With the line containing "# Site, building, storey" as the start and the line containing "Atas Site, Central" as the end, transcribe that span of the entries below exactly, including both.

BEGIN Records for this exercise

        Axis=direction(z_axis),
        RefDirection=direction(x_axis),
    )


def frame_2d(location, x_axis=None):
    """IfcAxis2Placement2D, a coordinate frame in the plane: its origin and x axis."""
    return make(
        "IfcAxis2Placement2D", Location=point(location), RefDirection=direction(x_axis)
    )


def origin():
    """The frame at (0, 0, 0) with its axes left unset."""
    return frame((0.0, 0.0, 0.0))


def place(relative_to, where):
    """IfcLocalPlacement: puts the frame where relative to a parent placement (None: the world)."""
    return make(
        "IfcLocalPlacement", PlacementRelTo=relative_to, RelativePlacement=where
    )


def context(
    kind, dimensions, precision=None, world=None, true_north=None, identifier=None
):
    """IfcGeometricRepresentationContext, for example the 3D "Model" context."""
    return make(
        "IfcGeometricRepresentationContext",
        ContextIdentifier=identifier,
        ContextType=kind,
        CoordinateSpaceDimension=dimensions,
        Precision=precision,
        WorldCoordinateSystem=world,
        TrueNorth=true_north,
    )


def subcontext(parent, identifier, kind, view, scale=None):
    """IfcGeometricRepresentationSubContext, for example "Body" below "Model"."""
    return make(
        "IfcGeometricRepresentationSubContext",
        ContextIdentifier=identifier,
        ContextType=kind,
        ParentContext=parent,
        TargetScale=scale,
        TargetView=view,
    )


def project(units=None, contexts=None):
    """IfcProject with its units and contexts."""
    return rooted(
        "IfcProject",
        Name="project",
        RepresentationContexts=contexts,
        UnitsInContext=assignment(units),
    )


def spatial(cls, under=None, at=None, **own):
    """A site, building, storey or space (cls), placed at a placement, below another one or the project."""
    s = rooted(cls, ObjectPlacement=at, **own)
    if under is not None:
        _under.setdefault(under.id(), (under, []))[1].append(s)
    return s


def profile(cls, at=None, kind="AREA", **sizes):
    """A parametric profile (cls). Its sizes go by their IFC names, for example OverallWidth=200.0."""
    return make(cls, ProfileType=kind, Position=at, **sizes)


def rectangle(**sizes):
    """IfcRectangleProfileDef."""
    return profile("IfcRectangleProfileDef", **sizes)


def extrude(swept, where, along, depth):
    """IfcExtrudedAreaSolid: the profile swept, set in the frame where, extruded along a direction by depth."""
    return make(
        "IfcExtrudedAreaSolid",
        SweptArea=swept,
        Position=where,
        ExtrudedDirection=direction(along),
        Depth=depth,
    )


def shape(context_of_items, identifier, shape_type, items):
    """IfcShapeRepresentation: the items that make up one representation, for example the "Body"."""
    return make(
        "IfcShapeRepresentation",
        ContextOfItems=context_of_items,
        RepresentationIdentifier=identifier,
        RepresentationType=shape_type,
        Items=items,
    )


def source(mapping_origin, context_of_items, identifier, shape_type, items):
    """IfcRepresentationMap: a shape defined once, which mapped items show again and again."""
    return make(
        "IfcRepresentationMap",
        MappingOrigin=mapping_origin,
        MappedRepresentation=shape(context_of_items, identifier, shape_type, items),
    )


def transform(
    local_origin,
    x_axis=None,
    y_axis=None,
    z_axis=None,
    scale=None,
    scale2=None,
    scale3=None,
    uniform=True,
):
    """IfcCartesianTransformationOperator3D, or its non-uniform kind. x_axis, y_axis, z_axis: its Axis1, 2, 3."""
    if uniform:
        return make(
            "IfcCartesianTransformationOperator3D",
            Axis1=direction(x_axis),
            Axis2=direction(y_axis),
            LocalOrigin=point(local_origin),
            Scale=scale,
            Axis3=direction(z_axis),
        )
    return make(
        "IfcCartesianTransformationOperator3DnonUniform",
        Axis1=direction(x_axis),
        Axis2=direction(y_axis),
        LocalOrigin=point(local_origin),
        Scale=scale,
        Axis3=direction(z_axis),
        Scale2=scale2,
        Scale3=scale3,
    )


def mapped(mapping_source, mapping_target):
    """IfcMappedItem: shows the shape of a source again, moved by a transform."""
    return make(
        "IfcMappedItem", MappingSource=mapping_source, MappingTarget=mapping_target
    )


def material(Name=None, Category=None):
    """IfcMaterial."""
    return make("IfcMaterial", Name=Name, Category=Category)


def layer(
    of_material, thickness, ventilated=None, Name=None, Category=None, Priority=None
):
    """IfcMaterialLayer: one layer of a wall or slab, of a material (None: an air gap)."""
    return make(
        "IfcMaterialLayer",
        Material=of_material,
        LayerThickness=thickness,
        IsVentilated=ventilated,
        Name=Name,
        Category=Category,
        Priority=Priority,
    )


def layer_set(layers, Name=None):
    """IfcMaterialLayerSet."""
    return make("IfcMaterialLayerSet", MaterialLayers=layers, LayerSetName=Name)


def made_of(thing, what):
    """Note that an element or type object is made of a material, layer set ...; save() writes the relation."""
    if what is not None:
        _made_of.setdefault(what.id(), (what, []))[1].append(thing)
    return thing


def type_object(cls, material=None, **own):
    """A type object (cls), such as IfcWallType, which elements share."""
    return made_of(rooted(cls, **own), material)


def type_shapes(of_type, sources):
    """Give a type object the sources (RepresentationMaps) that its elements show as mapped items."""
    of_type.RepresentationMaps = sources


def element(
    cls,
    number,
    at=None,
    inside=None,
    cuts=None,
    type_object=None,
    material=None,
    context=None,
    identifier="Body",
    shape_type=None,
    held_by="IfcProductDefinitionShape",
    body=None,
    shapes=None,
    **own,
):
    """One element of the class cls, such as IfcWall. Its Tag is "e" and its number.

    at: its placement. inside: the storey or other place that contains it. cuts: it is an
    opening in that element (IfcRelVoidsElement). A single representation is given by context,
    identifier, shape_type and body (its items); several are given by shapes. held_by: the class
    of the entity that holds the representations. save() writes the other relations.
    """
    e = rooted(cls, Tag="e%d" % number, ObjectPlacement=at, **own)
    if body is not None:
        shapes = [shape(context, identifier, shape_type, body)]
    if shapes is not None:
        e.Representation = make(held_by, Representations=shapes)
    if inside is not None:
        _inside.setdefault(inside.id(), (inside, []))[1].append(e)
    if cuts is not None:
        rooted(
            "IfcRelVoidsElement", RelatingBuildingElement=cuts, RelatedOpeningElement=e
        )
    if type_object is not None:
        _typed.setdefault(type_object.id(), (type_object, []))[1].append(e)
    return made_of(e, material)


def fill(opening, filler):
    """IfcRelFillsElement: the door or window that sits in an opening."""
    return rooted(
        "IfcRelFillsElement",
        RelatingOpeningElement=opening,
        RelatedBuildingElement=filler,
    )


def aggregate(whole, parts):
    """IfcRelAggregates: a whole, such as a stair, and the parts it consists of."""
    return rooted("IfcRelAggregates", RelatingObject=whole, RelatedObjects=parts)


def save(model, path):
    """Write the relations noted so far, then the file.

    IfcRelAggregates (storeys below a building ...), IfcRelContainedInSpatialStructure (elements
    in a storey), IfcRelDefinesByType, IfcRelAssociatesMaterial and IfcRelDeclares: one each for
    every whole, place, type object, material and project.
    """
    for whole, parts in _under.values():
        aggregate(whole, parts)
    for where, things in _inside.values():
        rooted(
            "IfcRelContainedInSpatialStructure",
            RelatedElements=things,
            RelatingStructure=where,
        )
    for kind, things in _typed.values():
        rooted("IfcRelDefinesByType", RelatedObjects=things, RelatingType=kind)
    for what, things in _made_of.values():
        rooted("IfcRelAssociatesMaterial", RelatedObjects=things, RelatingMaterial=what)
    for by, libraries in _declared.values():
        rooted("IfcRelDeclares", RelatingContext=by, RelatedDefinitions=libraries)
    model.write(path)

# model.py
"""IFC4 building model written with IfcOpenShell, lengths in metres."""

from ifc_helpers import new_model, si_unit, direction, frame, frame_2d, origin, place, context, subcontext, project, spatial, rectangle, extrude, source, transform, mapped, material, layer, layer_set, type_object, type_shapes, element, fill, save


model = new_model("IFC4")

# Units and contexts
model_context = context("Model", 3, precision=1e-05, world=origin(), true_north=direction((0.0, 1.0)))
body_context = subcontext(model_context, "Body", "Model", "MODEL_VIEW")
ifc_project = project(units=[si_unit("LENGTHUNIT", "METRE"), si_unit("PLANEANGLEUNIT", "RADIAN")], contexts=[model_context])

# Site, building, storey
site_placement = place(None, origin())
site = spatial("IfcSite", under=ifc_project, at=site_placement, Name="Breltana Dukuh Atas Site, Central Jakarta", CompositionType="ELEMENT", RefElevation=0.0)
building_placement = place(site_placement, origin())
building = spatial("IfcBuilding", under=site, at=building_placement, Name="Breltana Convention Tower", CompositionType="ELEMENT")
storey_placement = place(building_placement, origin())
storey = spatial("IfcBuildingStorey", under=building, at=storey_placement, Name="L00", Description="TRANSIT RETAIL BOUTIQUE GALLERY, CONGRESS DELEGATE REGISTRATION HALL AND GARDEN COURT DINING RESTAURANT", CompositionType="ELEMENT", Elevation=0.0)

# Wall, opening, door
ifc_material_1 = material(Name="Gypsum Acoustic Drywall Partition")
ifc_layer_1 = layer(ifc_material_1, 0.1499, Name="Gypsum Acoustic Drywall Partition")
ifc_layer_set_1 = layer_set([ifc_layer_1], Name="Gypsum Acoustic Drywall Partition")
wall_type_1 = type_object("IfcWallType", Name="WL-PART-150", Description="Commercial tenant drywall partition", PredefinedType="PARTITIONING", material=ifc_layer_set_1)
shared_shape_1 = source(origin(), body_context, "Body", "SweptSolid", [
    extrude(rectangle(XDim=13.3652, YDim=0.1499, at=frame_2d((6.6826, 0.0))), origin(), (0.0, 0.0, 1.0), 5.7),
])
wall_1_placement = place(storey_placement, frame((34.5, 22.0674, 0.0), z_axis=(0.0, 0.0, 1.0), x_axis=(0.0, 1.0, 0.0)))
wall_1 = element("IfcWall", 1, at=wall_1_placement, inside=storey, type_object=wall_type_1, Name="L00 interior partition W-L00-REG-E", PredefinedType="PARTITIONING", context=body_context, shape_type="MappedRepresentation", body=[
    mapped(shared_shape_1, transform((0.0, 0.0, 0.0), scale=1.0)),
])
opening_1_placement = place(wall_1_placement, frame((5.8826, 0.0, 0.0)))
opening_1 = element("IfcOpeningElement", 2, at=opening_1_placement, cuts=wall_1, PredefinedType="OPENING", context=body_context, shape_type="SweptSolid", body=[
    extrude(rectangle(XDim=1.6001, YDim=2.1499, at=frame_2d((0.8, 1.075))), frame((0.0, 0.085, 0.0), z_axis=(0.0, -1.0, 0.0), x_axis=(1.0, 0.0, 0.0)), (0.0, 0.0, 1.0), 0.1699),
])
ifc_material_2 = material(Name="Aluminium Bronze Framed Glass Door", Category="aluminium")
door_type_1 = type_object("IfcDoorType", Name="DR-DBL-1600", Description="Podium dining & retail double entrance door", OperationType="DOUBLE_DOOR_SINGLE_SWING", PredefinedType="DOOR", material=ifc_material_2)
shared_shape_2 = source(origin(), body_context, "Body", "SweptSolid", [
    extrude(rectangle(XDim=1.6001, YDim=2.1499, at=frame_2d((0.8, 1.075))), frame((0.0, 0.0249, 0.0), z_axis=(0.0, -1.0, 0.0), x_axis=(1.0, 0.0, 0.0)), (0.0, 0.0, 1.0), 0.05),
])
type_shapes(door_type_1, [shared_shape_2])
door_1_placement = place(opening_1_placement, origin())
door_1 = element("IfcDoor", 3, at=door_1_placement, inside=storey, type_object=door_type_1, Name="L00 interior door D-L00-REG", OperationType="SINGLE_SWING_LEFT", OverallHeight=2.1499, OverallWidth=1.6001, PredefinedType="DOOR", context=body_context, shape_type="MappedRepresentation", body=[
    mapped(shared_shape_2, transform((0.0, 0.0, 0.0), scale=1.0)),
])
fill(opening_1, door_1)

END Records for this exercise

**Exercise answer**
# Site, building, storey
site_placement = place(None, origin())
site = spatial("IfcSite", under=ifc_project, at=site_placement, Name="Breltana Dukuh Atas Site, Central Jakarta", CompositionType="ELEMENT", RefElevation=0.0)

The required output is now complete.